**Your task**
Among the entries below, extract exactly the lines that run from the one with "#51=IFCINDEXEDPOLYGONALFACE((5,6,8,7));" through the one with "#77=IFCPOLYGONALFACESET(#76,$,(#70,#71,#72,#73,#74,#75),$);", both ends included.

**Material for this exercise**
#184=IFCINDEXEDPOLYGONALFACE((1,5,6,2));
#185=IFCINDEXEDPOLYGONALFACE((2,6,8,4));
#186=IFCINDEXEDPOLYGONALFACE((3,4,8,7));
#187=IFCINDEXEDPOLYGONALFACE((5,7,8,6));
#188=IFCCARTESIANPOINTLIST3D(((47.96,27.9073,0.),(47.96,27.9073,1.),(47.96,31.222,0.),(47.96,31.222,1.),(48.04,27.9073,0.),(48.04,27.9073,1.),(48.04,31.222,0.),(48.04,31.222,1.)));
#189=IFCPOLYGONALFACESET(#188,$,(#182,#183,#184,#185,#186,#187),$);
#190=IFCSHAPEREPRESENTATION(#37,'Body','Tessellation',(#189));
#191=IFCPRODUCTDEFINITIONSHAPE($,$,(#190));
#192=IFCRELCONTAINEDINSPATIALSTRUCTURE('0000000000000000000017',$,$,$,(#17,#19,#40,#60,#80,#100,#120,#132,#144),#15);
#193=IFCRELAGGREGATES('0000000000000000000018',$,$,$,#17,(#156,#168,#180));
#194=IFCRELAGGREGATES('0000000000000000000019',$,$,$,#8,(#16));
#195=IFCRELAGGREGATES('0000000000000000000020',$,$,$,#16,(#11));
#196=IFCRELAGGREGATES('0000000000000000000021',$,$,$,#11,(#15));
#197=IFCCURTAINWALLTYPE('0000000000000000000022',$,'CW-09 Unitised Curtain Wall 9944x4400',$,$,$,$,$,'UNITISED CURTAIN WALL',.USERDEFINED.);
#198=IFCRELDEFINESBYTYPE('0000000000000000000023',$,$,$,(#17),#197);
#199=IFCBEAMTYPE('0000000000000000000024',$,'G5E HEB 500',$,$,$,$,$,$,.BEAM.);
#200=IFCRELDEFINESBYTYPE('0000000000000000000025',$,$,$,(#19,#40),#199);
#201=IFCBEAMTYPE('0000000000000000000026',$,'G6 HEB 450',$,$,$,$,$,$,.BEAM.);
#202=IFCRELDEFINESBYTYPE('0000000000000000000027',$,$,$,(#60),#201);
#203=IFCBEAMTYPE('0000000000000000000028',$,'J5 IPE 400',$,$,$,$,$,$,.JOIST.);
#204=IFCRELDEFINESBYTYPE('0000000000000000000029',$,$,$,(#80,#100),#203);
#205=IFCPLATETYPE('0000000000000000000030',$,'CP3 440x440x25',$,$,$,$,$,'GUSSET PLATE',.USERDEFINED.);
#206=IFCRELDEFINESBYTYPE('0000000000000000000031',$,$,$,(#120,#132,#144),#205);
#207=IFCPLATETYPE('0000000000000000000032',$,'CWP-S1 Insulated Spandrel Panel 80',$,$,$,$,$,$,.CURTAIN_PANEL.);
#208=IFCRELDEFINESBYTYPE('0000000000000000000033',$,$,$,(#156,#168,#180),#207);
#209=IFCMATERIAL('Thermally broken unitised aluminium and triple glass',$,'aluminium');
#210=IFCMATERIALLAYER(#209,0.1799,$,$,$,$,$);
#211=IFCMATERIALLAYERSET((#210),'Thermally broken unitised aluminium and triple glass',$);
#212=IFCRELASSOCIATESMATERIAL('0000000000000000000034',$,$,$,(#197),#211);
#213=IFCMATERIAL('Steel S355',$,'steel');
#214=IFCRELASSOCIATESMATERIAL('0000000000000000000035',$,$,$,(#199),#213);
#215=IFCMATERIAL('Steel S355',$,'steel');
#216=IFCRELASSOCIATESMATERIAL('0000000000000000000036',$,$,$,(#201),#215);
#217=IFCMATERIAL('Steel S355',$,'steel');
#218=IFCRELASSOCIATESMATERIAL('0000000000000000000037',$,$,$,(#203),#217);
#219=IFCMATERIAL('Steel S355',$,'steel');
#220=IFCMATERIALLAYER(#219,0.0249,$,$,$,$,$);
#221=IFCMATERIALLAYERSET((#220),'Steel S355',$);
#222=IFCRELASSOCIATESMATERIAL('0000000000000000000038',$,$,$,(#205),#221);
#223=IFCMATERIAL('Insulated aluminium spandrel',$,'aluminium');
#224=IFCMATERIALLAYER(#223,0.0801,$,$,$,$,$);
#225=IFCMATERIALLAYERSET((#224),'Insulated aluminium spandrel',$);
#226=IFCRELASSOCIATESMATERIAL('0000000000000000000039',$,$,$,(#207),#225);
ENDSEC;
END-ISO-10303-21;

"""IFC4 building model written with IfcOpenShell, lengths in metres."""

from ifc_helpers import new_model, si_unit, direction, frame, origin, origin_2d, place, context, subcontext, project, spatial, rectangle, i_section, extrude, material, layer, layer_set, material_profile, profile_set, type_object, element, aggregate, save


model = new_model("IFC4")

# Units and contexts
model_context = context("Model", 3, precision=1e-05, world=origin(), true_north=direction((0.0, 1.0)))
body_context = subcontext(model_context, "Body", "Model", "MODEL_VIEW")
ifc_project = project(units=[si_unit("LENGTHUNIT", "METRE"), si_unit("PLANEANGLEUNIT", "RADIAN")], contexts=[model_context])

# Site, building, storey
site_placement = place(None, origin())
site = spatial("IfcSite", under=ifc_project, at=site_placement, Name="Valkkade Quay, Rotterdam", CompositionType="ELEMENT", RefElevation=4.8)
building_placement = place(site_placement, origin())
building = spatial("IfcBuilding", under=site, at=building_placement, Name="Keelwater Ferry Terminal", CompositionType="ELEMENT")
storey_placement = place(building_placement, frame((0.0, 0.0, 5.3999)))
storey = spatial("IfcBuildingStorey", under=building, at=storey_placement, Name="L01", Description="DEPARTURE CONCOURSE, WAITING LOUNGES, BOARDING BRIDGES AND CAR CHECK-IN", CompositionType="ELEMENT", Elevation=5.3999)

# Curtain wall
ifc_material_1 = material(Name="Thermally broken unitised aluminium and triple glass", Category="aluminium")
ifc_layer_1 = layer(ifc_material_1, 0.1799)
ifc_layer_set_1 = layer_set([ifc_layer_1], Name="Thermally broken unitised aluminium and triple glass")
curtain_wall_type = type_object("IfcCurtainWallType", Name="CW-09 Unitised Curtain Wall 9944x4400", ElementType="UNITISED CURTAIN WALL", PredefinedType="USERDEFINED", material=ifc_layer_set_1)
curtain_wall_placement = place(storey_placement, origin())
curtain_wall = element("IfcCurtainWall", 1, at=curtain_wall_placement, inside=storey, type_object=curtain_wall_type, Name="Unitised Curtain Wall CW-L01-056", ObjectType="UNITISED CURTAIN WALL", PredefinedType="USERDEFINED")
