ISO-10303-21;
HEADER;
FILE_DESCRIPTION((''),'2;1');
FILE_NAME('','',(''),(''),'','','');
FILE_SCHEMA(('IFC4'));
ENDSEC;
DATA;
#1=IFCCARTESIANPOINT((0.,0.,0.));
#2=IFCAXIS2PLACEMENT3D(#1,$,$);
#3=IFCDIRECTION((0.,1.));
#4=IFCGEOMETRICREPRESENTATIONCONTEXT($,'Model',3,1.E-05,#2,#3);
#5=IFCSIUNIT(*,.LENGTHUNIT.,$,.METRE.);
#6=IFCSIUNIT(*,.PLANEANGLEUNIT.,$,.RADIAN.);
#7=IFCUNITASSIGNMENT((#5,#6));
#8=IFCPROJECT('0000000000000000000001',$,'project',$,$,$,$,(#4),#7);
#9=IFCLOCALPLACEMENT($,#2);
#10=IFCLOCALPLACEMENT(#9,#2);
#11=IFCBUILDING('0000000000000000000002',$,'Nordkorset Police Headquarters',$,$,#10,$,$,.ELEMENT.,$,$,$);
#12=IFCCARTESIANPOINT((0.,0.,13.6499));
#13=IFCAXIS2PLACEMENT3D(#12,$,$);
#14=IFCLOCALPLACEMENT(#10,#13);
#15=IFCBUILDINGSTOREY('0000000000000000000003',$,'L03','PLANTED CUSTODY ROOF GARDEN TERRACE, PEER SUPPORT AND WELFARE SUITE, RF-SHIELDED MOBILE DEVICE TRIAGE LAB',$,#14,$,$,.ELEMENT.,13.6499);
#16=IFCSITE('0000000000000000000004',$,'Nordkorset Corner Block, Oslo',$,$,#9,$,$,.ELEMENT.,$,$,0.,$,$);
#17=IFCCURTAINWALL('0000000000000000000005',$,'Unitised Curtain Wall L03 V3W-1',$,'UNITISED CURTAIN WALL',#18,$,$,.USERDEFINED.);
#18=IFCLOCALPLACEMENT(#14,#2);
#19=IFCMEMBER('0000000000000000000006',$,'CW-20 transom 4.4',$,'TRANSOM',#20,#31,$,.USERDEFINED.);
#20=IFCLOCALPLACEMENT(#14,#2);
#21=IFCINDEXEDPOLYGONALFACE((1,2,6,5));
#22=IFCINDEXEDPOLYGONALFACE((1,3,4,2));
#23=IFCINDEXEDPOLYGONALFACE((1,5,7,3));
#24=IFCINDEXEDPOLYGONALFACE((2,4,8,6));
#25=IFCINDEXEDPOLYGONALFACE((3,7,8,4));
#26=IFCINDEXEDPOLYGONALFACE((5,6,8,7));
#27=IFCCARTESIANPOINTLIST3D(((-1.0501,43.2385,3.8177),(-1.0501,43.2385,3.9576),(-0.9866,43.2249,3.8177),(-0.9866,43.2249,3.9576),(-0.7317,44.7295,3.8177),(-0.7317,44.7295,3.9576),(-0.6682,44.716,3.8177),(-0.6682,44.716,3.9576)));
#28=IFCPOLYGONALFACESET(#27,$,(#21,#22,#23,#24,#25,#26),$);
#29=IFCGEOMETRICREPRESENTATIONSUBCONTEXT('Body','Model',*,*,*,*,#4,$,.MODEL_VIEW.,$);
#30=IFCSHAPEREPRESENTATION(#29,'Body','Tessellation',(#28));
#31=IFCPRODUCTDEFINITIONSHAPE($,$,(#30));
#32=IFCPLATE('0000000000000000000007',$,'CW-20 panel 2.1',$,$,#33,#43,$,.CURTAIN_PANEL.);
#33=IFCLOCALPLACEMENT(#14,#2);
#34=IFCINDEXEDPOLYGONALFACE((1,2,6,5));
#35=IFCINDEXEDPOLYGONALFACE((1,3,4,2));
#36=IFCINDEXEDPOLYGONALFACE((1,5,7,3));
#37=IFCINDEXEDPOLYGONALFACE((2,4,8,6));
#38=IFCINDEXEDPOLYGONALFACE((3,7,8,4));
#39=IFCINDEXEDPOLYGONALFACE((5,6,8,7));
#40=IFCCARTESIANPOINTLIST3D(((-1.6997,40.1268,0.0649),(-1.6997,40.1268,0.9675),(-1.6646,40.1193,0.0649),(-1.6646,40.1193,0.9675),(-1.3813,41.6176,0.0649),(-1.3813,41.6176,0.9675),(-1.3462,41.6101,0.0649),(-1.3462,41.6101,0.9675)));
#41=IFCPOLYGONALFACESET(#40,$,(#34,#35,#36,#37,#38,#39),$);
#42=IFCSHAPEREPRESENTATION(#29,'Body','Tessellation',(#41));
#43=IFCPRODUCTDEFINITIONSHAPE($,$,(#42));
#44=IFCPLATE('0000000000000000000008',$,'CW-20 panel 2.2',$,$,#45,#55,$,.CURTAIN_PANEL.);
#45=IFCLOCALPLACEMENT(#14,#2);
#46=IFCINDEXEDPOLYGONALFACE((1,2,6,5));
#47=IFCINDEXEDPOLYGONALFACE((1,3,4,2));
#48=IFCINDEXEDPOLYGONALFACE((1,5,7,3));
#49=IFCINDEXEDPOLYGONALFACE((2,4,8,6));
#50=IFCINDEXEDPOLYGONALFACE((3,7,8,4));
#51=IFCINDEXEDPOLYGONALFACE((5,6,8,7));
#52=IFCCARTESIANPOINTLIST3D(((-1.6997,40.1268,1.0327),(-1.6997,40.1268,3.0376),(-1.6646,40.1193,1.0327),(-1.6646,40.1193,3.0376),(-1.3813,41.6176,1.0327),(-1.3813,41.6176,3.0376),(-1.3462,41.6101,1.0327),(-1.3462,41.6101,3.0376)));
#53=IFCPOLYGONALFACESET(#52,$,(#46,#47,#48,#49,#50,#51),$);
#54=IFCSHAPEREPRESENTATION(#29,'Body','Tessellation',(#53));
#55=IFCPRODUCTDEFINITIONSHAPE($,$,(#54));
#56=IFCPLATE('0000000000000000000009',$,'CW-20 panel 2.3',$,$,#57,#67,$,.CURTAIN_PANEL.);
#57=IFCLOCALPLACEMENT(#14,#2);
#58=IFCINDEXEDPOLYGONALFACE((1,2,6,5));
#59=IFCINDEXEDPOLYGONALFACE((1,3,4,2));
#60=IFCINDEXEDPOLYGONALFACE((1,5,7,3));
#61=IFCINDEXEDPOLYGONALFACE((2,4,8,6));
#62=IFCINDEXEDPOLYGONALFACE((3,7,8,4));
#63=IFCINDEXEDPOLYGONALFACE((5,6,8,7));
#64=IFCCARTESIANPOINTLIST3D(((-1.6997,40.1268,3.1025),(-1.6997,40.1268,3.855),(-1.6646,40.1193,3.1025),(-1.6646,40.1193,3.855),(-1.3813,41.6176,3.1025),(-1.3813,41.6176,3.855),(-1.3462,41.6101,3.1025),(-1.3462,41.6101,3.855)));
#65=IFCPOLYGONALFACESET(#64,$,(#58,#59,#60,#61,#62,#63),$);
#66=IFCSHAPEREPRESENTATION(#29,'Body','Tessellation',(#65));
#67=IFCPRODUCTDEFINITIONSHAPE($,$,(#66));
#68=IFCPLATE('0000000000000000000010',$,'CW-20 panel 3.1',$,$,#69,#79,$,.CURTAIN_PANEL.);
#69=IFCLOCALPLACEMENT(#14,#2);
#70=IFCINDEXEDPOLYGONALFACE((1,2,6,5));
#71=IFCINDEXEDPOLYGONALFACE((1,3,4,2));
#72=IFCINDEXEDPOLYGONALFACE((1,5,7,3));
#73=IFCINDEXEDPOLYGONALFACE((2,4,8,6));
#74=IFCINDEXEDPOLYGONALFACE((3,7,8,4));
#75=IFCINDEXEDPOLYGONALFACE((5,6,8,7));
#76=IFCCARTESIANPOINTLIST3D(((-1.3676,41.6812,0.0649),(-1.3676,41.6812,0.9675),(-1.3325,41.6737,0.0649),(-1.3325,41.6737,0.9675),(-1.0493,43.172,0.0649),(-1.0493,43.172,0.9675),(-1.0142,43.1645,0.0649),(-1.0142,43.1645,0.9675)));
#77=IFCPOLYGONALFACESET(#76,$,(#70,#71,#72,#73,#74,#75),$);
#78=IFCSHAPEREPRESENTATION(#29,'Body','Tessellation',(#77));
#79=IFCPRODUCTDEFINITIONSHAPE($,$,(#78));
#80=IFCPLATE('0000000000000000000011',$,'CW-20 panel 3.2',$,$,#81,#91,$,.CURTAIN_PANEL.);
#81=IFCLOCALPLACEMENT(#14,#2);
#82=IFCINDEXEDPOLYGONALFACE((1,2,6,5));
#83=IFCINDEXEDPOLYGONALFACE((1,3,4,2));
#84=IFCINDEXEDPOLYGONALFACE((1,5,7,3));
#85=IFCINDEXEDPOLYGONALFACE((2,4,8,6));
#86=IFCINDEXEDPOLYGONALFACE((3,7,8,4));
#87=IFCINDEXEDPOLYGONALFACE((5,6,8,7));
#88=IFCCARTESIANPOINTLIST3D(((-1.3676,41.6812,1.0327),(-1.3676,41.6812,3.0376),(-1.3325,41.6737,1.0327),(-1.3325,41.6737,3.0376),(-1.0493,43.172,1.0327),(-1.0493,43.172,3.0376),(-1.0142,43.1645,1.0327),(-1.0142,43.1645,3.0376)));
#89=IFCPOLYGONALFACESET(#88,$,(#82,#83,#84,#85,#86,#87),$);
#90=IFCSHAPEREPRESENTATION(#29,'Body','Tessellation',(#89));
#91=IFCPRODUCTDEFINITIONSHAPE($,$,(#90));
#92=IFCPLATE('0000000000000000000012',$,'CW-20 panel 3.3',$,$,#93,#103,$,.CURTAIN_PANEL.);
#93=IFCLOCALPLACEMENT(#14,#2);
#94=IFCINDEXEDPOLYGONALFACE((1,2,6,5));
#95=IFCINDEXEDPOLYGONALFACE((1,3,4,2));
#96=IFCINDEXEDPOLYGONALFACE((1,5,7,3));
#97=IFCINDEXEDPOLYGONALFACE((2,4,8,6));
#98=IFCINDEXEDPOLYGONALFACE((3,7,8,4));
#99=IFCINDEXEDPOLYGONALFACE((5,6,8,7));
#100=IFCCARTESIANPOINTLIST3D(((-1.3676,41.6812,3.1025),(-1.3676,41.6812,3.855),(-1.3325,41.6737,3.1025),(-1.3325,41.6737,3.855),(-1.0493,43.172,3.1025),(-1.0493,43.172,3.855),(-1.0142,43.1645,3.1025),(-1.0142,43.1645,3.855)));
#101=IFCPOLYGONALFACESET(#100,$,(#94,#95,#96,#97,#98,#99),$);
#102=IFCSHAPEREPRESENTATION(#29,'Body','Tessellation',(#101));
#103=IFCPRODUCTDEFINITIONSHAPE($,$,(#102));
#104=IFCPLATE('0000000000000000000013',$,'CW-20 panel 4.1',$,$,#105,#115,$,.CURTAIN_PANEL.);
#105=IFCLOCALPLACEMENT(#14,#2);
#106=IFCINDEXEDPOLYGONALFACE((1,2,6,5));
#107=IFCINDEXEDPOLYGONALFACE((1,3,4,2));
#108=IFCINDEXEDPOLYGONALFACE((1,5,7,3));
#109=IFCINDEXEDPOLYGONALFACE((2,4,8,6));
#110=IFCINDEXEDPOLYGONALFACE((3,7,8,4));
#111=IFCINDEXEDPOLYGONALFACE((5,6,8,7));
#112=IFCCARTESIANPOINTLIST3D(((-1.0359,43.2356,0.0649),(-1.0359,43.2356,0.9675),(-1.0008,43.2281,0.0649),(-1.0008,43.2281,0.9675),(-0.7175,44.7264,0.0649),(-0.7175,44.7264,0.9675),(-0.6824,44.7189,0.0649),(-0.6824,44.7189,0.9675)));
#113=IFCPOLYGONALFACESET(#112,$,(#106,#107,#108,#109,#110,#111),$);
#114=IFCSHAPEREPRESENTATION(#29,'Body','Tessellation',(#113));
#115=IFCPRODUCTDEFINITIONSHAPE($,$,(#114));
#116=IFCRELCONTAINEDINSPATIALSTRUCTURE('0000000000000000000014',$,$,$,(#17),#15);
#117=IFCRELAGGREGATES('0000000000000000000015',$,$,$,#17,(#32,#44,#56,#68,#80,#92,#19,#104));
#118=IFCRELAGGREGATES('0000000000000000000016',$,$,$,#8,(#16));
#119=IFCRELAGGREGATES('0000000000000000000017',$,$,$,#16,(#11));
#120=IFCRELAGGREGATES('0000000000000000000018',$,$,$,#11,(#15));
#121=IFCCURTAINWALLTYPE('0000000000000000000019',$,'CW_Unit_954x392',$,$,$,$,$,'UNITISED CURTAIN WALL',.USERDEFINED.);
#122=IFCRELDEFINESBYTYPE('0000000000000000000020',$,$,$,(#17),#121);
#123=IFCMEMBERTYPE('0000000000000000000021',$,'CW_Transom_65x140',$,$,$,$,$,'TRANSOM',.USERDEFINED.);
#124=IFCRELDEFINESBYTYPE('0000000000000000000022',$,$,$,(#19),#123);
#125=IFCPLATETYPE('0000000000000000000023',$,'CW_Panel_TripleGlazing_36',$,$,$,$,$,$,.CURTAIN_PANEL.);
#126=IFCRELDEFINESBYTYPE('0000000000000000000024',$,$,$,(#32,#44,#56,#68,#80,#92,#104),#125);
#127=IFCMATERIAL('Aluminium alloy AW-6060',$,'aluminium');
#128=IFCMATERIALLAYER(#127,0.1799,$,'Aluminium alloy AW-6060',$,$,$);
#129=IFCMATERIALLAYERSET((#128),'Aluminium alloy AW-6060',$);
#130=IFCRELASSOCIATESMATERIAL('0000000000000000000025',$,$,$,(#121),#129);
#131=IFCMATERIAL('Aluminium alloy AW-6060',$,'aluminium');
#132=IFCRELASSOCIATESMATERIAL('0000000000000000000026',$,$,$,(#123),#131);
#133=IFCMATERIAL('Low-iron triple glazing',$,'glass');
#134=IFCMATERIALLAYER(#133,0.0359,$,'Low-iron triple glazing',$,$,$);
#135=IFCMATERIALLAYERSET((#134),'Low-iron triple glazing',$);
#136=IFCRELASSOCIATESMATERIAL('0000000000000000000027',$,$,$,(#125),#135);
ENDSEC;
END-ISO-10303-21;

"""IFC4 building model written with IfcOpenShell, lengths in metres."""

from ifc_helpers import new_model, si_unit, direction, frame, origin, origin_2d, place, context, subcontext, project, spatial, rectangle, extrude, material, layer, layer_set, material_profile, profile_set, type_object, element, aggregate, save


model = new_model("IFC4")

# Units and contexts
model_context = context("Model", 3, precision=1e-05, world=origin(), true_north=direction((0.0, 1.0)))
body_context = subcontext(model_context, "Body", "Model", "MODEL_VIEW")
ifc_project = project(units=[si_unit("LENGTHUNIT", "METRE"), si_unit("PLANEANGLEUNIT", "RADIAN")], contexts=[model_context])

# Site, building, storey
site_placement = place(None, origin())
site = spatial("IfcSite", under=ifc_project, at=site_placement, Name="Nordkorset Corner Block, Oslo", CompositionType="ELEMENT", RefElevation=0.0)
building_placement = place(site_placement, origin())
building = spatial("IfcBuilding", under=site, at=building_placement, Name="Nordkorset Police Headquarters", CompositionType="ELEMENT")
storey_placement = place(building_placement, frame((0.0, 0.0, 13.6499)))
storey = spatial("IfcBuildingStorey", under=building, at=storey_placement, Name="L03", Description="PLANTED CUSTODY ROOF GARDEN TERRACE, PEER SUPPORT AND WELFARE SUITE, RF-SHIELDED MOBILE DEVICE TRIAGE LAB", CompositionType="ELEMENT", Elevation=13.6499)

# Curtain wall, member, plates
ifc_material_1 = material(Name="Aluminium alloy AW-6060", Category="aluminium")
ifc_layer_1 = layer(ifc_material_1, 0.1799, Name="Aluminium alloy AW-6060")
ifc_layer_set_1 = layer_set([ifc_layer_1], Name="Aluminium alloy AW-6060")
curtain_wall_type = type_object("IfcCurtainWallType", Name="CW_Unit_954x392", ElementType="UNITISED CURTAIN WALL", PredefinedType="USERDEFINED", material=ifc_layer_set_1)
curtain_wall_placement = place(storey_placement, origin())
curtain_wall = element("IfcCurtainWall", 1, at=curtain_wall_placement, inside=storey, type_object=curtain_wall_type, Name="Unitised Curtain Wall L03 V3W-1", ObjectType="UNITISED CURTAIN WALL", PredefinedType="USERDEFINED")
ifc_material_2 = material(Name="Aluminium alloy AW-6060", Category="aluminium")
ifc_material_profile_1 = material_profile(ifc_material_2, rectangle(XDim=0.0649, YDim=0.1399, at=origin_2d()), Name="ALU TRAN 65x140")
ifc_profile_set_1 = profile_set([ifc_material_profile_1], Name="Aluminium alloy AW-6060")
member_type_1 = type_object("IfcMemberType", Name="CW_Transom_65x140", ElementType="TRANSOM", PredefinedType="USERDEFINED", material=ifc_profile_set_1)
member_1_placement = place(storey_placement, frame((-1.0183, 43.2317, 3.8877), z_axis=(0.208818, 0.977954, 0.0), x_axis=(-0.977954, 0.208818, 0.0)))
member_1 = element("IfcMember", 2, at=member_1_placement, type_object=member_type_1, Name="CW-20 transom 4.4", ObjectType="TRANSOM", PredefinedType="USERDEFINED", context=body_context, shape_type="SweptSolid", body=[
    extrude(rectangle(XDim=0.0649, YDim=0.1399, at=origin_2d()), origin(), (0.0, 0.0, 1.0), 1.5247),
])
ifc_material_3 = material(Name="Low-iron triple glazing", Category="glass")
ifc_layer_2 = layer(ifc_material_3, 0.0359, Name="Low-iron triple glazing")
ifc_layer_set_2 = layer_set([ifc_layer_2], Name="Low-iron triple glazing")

**Answer below**
#51=IFCINDEXEDPOLYGONALFACE((5,6,8,7));
#52=IFCCARTESIANPOINTLIST3D(((-1.6997,40.1268,1.0327),(-1.6997,40.1268,3.0376),(-1.6646,40.1193,1.0327),(-1.6646,40.1193,3.0376),(-1.3813,41.6176,1.0327),(-1.3813,41.6176,3.0376),(-1.3462,41.6101,1.0327),(-1.3462,41.6101,3.0376)));
#53=IFCPOLYGONALFACESET(#52,$,(#46,#47,#48,#49,#50,#51),$);
#54=IFCSHAPEREPRESENTATION(#29,'Body','Tessellation',(#53));
#55=IFCPRODUCTDEFINITIONSHAPE($,$,(#54));
#56=IFCPLATE('0000000000000000000009',$,'CW-20 panel 2.3',$,$,#57,#67,$,.CURTAIN_PANEL.);
#57=IFCLOCALPLACEMENT(#14,#2);
#58=IFCINDEXEDPOLYGONALFACE((1,2,6,5));
#59=IFCINDEXEDPOLYGONALFACE((1,3,4,2));
#60=IFCINDEXEDPOLYGONALFACE((1,5,7,3));
#61=IFCINDEXEDPOLYGONALFACE((2,4,8,6));
#62=IFCINDEXEDPOLYGONALFACE((3,7,8,4));
#63=IFCINDEXEDPOLYGONALFACE((5,6,8,7));
#64=IFCCARTESIANPOINTLIST3D(((-1.6997,40.1268,3.1025),(-1.6997,40.1268,3.855),(-1.6646,40.1193,3.1025),(-1.6646,40.1193,3.855),(-1.3813,41.6176,3.1025),(-1.3813,41.6176,3.855),(-1.3462,41.6101,3.1025),(-1.3462,41.6101,3.855)));
#65=IFCPOLYGONALFACESET(#64,$,(#58,#59,#60,#61,#62,#63),$);
#66=IFCSHAPEREPRESENTATION(#29,'Body','Tessellation',(#65));
#67=IFCPRODUCTDEFINITIONSHAPE($,$,(#66));
#68=IFCPLATE('0000000000000000000010',$,'CW-20 panel 3.1',$,$,#69,#79,$,.CURTAIN_PANEL.);
#69=IFCLOCALPLACEMENT(#14,#2);
#70=IFCINDEXEDPOLYGONALFACE((1,2,6,5));
#71=IFCINDEXEDPOLYGONALFACE((1,3,4,2));
#72=IFCINDEXEDPOLYGONALFACE((1,5,7,3));
#73=IFCINDEXEDPOLYGONALFACE((2,4,8,6));
#74=IFCINDEXEDPOLYGONALFACE((3,7,8,4));
#75=IFCINDEXEDPOLYGONALFACE((5,6,8,7));
#76=IFCCARTESIANPOINTLIST3D(((-1.3676,41.6812,0.0649),(-1.3676,41.6812,0.9675),(-1.3325,41.6737,0.0649),(-1.3325,41.6737,0.9675),(-1.0493,43.172,0.0649),(-1.0493,43.172,0.9675),(-1.0142,43.1645,0.0649),(-1.0142,43.1645,0.9675)));
#77=IFCPOLYGONALFACESET(#76,$,(#70,#71,#72,#73,#74,#75),$);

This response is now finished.